## Assigned task:
In the entries that follow, the line with "#47=IFCINDEXEDPOLYGONALFACE((2,6,8,4));" opens the range and the line with "#73=IFCINDEXEDPOLYGONALFACE((5,7,8,6));" closes it; repeat that range exactly, both lines included.

## The input:
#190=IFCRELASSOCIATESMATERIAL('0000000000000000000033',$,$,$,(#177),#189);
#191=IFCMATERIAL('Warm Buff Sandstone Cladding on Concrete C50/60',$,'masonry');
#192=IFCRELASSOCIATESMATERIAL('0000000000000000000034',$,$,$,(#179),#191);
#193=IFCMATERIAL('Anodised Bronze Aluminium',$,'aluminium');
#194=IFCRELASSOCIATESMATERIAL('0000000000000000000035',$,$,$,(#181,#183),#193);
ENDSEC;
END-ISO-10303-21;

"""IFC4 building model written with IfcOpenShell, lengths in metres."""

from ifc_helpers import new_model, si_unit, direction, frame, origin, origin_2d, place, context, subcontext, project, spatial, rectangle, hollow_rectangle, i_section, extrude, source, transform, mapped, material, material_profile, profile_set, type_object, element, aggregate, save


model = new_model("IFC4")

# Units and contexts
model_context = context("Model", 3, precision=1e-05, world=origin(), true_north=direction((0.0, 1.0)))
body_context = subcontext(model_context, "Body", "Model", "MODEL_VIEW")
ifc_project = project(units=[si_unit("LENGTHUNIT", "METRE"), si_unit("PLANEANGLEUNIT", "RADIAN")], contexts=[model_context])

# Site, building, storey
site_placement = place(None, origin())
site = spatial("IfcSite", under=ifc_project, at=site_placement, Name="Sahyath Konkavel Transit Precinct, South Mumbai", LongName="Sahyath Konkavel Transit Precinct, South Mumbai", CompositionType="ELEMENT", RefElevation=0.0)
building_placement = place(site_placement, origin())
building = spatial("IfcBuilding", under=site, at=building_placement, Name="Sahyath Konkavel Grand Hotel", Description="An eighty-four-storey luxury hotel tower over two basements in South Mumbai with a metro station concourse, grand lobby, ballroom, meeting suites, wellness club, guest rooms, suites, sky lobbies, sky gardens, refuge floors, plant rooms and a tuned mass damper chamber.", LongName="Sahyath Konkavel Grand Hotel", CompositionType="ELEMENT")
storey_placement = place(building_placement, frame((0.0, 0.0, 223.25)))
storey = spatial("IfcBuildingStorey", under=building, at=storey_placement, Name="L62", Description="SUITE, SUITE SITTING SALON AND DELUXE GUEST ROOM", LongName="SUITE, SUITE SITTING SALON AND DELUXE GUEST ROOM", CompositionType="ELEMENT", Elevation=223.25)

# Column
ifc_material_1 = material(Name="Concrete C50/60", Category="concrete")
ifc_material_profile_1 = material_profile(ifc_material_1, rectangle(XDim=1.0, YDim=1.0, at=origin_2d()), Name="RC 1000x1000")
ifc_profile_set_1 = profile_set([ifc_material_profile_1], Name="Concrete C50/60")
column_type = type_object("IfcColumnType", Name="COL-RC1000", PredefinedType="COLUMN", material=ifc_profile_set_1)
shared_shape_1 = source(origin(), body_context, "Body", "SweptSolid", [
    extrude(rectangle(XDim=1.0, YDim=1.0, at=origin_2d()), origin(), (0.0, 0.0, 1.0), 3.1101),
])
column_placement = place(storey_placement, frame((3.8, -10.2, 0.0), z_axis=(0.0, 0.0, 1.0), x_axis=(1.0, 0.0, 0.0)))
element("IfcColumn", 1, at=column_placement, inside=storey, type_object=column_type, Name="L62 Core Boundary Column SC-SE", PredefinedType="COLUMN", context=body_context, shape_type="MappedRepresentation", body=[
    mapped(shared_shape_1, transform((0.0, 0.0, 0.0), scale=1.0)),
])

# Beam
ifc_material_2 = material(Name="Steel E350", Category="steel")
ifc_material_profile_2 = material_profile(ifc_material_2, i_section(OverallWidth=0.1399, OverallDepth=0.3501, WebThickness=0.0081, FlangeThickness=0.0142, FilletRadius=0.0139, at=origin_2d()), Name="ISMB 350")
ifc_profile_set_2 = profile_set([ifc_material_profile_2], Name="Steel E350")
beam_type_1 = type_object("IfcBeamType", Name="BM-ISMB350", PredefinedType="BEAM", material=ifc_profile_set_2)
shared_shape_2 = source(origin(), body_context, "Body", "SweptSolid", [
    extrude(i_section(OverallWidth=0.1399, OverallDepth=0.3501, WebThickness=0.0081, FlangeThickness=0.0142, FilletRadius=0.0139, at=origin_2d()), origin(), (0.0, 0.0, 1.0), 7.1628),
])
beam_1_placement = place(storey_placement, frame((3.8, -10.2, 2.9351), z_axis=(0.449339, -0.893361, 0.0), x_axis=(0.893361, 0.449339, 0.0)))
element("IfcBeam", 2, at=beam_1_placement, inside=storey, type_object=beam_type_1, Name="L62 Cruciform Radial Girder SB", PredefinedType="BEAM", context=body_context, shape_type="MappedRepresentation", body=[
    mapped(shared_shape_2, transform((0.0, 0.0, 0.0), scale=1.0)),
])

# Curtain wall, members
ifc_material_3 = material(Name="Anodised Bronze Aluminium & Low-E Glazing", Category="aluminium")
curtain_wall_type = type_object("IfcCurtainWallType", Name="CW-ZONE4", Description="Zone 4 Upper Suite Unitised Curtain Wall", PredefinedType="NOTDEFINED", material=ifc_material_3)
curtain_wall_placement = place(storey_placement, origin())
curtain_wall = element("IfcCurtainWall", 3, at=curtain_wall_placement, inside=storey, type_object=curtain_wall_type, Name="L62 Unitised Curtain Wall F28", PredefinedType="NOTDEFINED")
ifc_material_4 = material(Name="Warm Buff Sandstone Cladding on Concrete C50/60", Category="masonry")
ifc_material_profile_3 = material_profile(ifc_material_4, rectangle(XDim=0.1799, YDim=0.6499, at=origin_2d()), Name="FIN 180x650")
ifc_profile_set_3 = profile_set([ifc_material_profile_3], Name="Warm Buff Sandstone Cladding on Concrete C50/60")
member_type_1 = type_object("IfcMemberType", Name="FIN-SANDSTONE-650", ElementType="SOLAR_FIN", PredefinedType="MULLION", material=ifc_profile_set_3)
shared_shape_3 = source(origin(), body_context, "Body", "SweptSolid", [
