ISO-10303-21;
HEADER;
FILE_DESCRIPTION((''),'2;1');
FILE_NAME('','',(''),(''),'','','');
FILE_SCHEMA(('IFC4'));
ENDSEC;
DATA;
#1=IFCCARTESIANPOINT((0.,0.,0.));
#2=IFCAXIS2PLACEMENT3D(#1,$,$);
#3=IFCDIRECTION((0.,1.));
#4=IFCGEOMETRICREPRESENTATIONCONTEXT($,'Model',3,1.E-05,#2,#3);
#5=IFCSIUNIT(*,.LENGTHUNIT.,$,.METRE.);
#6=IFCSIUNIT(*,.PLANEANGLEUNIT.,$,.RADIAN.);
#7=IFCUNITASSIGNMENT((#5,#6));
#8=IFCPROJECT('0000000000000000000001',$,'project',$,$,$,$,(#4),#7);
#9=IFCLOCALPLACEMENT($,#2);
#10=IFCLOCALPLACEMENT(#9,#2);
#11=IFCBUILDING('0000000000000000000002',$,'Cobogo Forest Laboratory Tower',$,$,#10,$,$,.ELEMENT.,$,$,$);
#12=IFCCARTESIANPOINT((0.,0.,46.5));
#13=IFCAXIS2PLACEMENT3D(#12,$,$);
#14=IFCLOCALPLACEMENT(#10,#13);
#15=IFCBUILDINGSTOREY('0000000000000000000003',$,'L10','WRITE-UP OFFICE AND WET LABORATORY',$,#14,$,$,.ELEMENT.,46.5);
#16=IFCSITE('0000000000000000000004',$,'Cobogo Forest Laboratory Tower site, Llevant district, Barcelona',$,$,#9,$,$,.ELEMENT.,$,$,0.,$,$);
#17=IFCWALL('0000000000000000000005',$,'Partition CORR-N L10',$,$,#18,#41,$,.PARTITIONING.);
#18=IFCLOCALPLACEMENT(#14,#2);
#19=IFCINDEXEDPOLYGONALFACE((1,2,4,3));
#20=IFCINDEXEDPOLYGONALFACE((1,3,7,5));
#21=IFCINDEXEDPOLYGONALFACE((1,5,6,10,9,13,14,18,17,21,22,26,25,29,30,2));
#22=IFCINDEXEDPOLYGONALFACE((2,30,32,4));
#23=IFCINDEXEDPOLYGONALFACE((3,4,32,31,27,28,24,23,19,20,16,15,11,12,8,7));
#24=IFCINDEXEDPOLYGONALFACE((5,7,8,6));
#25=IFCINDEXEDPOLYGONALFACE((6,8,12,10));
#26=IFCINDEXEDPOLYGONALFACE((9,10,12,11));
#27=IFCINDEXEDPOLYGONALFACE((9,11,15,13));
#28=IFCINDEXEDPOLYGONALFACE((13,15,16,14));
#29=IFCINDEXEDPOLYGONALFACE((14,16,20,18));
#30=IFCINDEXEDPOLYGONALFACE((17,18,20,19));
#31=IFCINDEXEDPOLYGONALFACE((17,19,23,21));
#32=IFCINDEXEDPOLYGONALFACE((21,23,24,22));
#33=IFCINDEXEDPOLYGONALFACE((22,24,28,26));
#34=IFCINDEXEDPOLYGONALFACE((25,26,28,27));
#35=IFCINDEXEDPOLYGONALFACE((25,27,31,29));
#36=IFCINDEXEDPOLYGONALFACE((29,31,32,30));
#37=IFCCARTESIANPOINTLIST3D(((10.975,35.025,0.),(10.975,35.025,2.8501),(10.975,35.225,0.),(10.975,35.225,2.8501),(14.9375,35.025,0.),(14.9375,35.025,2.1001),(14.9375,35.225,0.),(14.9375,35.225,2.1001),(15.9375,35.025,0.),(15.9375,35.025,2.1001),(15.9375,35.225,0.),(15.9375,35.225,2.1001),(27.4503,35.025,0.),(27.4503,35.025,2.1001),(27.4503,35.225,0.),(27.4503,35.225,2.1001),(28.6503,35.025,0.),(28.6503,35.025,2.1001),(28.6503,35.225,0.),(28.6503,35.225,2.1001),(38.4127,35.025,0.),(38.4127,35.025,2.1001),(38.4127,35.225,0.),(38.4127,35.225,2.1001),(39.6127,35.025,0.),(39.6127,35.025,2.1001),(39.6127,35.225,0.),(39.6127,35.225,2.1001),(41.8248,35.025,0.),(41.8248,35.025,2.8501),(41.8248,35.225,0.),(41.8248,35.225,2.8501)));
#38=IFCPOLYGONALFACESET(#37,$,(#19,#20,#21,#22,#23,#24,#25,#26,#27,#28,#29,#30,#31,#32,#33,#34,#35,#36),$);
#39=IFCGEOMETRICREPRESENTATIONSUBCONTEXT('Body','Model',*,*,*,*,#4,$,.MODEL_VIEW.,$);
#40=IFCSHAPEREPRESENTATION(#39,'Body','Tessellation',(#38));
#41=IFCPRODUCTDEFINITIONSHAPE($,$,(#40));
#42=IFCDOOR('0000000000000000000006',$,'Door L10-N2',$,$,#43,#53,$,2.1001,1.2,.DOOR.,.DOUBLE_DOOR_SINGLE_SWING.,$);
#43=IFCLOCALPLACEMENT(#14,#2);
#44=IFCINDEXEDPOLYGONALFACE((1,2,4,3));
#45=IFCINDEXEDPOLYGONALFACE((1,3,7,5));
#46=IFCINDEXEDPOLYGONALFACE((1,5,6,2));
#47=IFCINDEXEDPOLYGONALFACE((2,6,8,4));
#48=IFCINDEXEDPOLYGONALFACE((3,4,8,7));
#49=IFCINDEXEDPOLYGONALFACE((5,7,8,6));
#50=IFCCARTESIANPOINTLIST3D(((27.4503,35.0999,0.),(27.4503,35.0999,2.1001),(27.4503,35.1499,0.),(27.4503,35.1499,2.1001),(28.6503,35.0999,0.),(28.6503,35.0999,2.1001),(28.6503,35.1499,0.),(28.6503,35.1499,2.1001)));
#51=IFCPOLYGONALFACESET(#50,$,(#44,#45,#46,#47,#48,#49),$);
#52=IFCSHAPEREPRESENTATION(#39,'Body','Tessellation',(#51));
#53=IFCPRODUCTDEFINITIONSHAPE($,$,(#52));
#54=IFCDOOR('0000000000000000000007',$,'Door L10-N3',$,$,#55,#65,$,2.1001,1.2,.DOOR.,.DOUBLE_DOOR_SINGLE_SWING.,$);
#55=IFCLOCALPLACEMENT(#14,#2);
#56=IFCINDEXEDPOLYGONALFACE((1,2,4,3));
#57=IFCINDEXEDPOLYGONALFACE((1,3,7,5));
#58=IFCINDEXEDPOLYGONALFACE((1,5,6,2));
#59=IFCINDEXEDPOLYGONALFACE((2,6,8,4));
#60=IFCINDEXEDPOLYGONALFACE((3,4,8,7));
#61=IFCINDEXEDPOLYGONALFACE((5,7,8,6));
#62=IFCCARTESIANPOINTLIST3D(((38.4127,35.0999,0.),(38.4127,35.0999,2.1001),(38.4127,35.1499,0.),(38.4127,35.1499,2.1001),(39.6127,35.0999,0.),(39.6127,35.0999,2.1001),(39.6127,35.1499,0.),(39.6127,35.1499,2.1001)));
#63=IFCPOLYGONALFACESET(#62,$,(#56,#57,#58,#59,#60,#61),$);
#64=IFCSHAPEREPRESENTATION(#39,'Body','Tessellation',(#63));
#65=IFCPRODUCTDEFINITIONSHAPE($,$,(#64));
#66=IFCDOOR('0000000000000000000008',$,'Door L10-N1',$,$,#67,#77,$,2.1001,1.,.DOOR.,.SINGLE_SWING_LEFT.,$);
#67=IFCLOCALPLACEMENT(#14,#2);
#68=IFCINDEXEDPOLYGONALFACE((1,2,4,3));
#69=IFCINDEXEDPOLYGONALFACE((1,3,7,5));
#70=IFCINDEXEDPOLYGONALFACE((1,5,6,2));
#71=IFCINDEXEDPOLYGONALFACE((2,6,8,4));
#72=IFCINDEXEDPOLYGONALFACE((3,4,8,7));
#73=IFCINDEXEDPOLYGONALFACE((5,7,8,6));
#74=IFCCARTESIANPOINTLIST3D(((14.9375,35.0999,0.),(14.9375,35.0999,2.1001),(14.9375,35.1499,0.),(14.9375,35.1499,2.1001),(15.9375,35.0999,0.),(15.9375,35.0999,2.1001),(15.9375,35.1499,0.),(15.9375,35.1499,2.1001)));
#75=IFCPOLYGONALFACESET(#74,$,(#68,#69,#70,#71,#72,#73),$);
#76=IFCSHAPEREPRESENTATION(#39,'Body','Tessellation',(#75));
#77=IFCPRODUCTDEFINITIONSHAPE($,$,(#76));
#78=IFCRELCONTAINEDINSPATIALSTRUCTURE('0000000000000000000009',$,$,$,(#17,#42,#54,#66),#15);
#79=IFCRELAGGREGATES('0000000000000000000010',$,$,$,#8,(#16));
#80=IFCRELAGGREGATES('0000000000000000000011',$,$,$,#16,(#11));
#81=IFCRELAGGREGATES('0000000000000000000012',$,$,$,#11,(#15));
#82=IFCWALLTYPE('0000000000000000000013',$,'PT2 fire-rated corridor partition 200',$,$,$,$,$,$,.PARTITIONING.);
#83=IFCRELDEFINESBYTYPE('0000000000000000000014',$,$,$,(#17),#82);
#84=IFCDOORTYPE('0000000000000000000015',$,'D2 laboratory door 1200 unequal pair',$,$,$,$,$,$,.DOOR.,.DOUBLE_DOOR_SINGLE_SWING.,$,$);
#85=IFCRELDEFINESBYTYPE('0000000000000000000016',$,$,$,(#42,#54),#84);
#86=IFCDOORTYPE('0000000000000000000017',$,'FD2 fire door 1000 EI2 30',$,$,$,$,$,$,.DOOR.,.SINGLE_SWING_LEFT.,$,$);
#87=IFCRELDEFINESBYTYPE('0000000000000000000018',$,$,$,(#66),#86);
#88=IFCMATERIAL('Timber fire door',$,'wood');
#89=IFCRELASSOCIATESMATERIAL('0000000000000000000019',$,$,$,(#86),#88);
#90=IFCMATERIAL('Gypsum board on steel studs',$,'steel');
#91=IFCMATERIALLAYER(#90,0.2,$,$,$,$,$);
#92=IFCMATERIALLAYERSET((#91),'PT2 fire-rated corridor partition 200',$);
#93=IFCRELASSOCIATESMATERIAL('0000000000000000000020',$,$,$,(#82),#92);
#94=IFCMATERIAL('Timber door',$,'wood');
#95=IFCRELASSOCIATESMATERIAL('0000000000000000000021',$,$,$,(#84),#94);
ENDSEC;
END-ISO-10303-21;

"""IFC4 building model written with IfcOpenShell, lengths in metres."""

from ifc_helpers import new_model, si_unit, direction, frame, frame_2d, origin, place, context, subcontext, project, spatial, rectangle, extrude, material, layer, layer_set, type_object, element, fill, save


model = new_model("IFC4")

# Units and contexts
model_context = context("Model", 3, precision=1e-05, world=origin(), true_north=direction((0.0, 1.0)))
body_context = subcontext(model_context, "Body", "Model", "MODEL_VIEW")
ifc_project = project(units=[si_unit("LENGTHUNIT", "METRE"), si_unit("PLANEANGLEUNIT", "RADIAN")], contexts=[model_context])

# Site, building, storey
site_placement = place(None, origin())
site = spatial("IfcSite", under=ifc_project, at=site_placement, Name="Cobogo Forest Laboratory Tower site, Llevant district, Barcelona", CompositionType="ELEMENT", RefElevation=0.0)
building_placement = place(site_placement, origin())
building = spatial("IfcBuilding", under=site, at=building_placement, Name="Cobogo Forest Laboratory Tower", CompositionType="ELEMENT")
storey_placement = place(building_placement, frame((0.0, 0.0, 46.5)))
storey = spatial("IfcBuildingStorey", under=building, at=storey_placement, Name="L10", Description="WRITE-UP OFFICE AND WET LABORATORY", CompositionType="ELEMENT", Elevation=46.5)

# Shared definitions
ifc_material_1 = material(Name="Gypsum board on steel studs", Category="steel")
ifc_material_2 = material(Name="Timber fire door", Category="wood")
door_type_1 = type_object("IfcDoorType", Name="FD2 fire door 1000 EI2 30", OperationType="SINGLE_SWING_LEFT", PredefinedType="DOOR", material=ifc_material_2)

# Wall, openings, doors
ifc_layer_1 = layer(ifc_material_1, 0.2)
ifc_layer_set_1 = layer_set([ifc_layer_1], Name="PT2 fire-rated corridor partition 200")
wall_type_1 = type_object("IfcWallType", Name="PT2 fire-rated corridor partition 200", PredefinedType="PARTITIONING", material=ifc_layer_set_1)
wall_1_placement = place(storey_placement, frame((10.9751, 35.125, 0.0), z_axis=(0.0, 0.0, 1.0), x_axis=(1.0, 0.0, 0.0)))
wall_1 = element("IfcWall", 1, at=wall_1_placement, inside=storey, type_object=wall_type_1, Name="Partition CORR-N L10", PredefinedType="PARTITIONING", context=body_context, shape_type="SweptSolid", body=[
    extrude(rectangle(XDim=30.8499, YDim=0.2, at=frame_2d((15.4248, 0.0))), origin(), (0.0, 0.0, 1.0), 2.8501),
])
opening_1_placement = place(wall_1_placement, frame((3.9624, 0.0, 0.0)))
opening_1 = element("IfcOpeningElement", 2, at=opening_1_placement, cuts=wall_1, PredefinedType="OPENING", context=body_context, shape_type="SweptSolid", body=[
    extrude(rectangle(XDim=1.0, YDim=2.1001, at=frame_2d((0.5, 1.05))), frame((0.0, 0.1099, 0.0), z_axis=(0.0, -1.0, 0.0), x_axis=(1.0, 0.0, 0.0)), (0.0, 0.0, 1.0), 0.22),
])
opening_2_placement = place(wall_1_placement, frame((16.4751, 0.0, 0.0)))
opening_2 = element("IfcOpeningElement", 3, at=opening_2_placement, cuts=wall_1, PredefinedType="OPENING", context=body_context, shape_type="SweptSolid", body=[
    extrude(rectangle(XDim=1.2, YDim=2.1001, at=frame_2d((0.6001, 1.05))), frame((0.0, 0.1099, 0.0), z_axis=(0.0, -1.0, 0.0), x_axis=(1.0, 0.0, 0.0)), (0.0, 0.0, 1.0), 0.22),
])
opening_3_placement = place(wall_1_placement, frame((27.4375, 0.0, 0.0)))
opening_3 = element("IfcOpeningElement", 4, at=opening_3_placement, cuts=wall_1, PredefinedType="OPENING", context=body_context, shape_type="SweptSolid", body=[
    extrude(rectangle(XDim=1.2, YDim=2.1001, at=frame_2d((0.6001, 1.05))), frame((0.0, 0.1099, 0.0), z_axis=(0.0, -1.0, 0.0), x_axis=(1.0, 0.0, 0.0)), (0.0, 0.0, 1.0), 0.22),
])
ifc_material_3 = material(Name="Timber door", Category="wood")
door_type_2 = type_object("IfcDoorType", Name="D2 laboratory door 1200 unequal pair", OperationType="DOUBLE_DOOR_SINGLE_SWING", PredefinedType="DOOR", material=ifc_material_3)
door_1_placement = place(opening_2_placement, origin())
door_1 = element("IfcDoor", 5, at=door_1_placement, inside=storey, type_object=door_type_2, Name="Door L10-N2", OperationType="DOUBLE_DOOR_SINGLE_SWING", OverallHeight=2.1001, OverallWidth=1.2, PredefinedType="DOOR", context=body_context, shape_type="SweptSolid", body=[
    extrude(rectangle(XDim=1.2, YDim=2.1001, at=frame_2d((0.6001, 1.05))), frame((0.0, 0.0249, 0.0), z_axis=(0.0, -1.0, 0.0), x_axis=(1.0, 0.0, 0.0)), (0.0, 0.0, 1.0), 0.05),
])
fill(opening_2, door_1)
door_2_placement = place(opening_3_placement, origin())
door_2 = element("IfcDoor", 6, at=door_2_placement, inside=storey, type_object=door_type_2, Name="Door L10-N3", OperationType="DOUBLE_DOOR_SINGLE_SWING", OverallHeight=2.1001, OverallWidth=1.2, PredefinedType="DOOR", context=body_context, shape_type="SweptSolid", body=[
    extrude(rectangle(XDim=1.2, YDim=2.1001, at=frame_2d((0.6001, 1.05))), frame((0.0, 0.0249, 0.0), z_axis=(0.0, -1.0, 0.0), x_axis=(1.0, 0.0, 0.0)), (0.0, 0.0, 1.0), 0.05),
])
fill(opening_3, door_2)
door_3_placement = place(opening_1_placement, origin())
door_3 = element("IfcDoor", 7, at=door_3_placement, inside=storey, type_object=door_type_1, Name="Door L10-N1", OperationType="SINGLE_SWING_LEFT", OverallHeight=2.1001, OverallWidth=1.0, PredefinedType="DOOR", context=body_context, shape_type="SweptSolid", body=[
    extrude(rectangle(XDim=1.0, YDim=2.1001, at=frame_2d((0.5, 1.05))), frame((0.0, 0.0249, 0.0), z_axis=(0.0, -1.0, 0.0), x_axis=(1.0, 0.0, 0.0)), (0.0, 0.0, 1.0), 0.05),
])
fill(opening_1, door_3)

save(model, "model.ifc")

## Output for this task:
#47=IFCINDEXEDPOLYGONALFACE((2,6,8,4));
#48=IFCINDEXEDPOLYGONALFACE((3,4,8,7));
#49=IFCINDEXEDPOLYGONALFACE((5,7,8,6));
#50=IFCCARTESIANPOINTLIST3D(((27.4503,35.0999,0.),(27.4503,35.0999,2.1001),(27.4503,35.1499,0.),(27.4503,35.1499,2.1001),(28.6503,35.0999,0.),(28.6503,35.0999,2.1001),(28.6503,35.1499,0.),(28.6503,35.1499,2.1001)));
#51=IFCPOLYGONALFACESET(#50,$,(#44,#45,#46,#47,#48,#49),$);
#52=IFCSHAPEREPRESENTATION(#39,'Body','Tessellation',(#51));
#53=IFCPRODUCTDEFINITIONSHAPE($,$,(#52));
#54=IFCDOOR('0000000000000000000007',$,'Door L10-N3',$,$,#55,#65,$,2.1001,1.2,.DOOR.,.DOUBLE_DOOR_SINGLE_SWING.,$);
#55=IFCLOCALPLACEMENT(#14,#2);
#56=IFCINDEXEDPOLYGONALFACE((1,2,4,3));
#57=IFCINDEXEDPOLYGONALFACE((1,3,7,5));
#58=IFCINDEXEDPOLYGONALFACE((1,5,6,2));
#59=IFCINDEXEDPOLYGONALFACE((2,6,8,4));
#60=IFCINDEXEDPOLYGONALFACE((3,4,8,7));
#61=IFCINDEXEDPOLYGONALFACE((5,7,8,6));
#62=IFCCARTESIANPOINTLIST3D(((38.4127,35.0999,0.),(38.4127,35.0999,2.1001),(38.4127,35.1499,0.),(38.4127,35.1499,2.1001),(39.6127,35.0999,0.),(39.6127,35.0999,2.1001),(39.6127,35.1499,0.),(39.6127,35.1499,2.1001)));
#63=IFCPOLYGONALFACESET(#62,$,(#56,#57,#58,#59,#60,#61),$);
#64=IFCSHAPEREPRESENTATION(#39,'Body','Tessellation',(#63));
#65=IFCPRODUCTDEFINITIONSHAPE($,$,(#64));
#66=IFCDOOR('0000000000000000000008',$,'Door L10-N1',$,$,#67,#77,$,2.1001,1.,.DOOR.,.SINGLE_SWING_LEFT.,$);
#67=IFCLOCALPLACEMENT(#14,#2);
#68=IFCINDEXEDPOLYGONALFACE((1,2,4,3));
#69=IFCINDEXEDPOLYGONALFACE((1,3,7,5));
#70=IFCINDEXEDPOLYGONALFACE((1,5,6,2));
#71=IFCINDEXEDPOLYGONALFACE((2,6,8,4));
#72=IFCINDEXEDPOLYGONALFACE((3,4,8,7));
#73=IFCINDEXEDPOLYGONALFACE((5,7,8,6));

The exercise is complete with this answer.